#### WORK REQUEST
Copy every entry precisely.

(Data records)
:::::

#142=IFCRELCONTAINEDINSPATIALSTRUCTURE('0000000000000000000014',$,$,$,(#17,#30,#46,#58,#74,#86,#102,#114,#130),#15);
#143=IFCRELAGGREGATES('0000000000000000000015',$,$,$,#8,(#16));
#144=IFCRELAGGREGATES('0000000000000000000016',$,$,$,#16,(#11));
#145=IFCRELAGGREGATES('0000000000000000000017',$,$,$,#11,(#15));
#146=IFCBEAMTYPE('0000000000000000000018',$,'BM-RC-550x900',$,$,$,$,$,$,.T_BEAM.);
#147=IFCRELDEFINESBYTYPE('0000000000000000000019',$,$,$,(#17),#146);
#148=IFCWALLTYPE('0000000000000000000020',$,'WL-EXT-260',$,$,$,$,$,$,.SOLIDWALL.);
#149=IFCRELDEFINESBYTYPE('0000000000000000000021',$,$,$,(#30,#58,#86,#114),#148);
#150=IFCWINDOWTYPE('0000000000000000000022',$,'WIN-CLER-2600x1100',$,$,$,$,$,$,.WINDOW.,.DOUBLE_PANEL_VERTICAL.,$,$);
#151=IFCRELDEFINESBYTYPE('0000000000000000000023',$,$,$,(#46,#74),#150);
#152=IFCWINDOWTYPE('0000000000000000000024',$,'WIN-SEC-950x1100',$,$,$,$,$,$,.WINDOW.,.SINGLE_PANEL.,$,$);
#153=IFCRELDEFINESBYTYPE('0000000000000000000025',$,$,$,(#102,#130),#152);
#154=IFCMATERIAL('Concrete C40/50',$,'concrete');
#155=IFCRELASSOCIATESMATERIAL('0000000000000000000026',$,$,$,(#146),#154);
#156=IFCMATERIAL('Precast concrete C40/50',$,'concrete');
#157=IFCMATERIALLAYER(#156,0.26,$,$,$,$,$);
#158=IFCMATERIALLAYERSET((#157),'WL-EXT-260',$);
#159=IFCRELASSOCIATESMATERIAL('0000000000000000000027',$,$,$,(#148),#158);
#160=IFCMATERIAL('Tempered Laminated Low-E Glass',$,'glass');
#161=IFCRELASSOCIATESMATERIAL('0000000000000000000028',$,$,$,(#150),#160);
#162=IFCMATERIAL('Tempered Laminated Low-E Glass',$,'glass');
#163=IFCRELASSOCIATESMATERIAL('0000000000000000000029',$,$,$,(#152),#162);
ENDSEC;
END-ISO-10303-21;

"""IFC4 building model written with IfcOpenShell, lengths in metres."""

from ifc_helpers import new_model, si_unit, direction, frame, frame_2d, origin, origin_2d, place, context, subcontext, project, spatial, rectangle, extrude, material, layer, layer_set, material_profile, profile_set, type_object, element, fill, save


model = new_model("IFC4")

:::::

#### ANSWER FOR THE TASK
#142=IFCRELCONTAINEDINSPATIALSTRUCTURE('0000000000000000000014',$,$,$,(#17,#30,#46,#58,#74,#86,#102,#114,#130),#15);
#143=IFCRELAGGREGATES('0000000000000000000015',$,$,$,#8,(#16));
#144=IFCRELAGGREGATES('0000000000000000000016',$,$,$,#16,(#11));
#145=IFCRELAGGREGATES('0000000000000000000017',$,$,$,#11,(#15));
#146=IFCBEAMTYPE('0000000000000000000018',$,'BM-RC-550x900',$,$,$,$,$,$,.T_BEAM.);
#147=IFCRELDEFINESBYTYPE('0000000000000000000019',$,$,$,(#17),#146);
#148=IFCWALLTYPE('0000000000000000000020',$,'WL-EXT-260',$,$,$,$,$,$,.SOLIDWALL.);
#149=IFCRELDEFINESBYTYPE('0000000000000000000021',$,$,$,(#30,#58,#86,#114),#148);
#150=IFCWINDOWTYPE('0000000000000000000022',$,'WIN-CLER-2600x1100',$,$,$,$,$,$,.WINDOW.,.DOUBLE_PANEL_VERTICAL.,$,$);
#151=IFCRELDEFINESBYTYPE('0000000000000000000023',$,$,$,(#46,#74),#150);
#152=IFCWINDOWTYPE('0000000000000000000024',$,'WIN-SEC-950x1100',$,$,$,$,$,$,.WINDOW.,.SINGLE_PANEL.,$,$);
#153=IFCRELDEFINESBYTYPE('0000000000000000000025',$,$,$,(#102,#130),#152);
#154=IFCMATERIAL('Concrete C40/50',$,'concrete');
#155=IFCRELASSOCIATESMATERIAL('0000000000000000000026',$,$,$,(#146),#154);
#156=IFCMATERIAL('Precast concrete C40/50',$,'concrete');
#157=IFCMATERIALLAYER(#156,0.26,$,$,$,$,$);
#158=IFCMATERIALLAYERSET((#157),'WL-EXT-260',$);
#159=IFCRELASSOCIATESMATERIAL('0000000000000000000027',$,$,$,(#148),#158);
#160=IFCMATERIAL('Tempered Laminated Low-E Glass',$,'glass');
#161=IFCRELASSOCIATESMATERIAL('0000000000000000000028',$,$,$,(#150),#160);
#162=IFCMATERIAL('Tempered Laminated Low-E Glass',$,'glass');
#163=IFCRELASSOCIATESMATERIAL('0000000000000000000029',$,$,$,(#152),#162);
ENDSEC;
END-ISO-10303-21;

"""IFC4 building model written with IfcOpenShell, lengths in metres."""

from ifc_helpers import new_model, si_unit, direction, frame, frame_2d, origin, origin_2d, place, context, subcontext, project, spatial, rectangle, extrude, material, layer, layer_set, material_profile, profile_set, type_object, element, fill, save


model = new_model("IFC4")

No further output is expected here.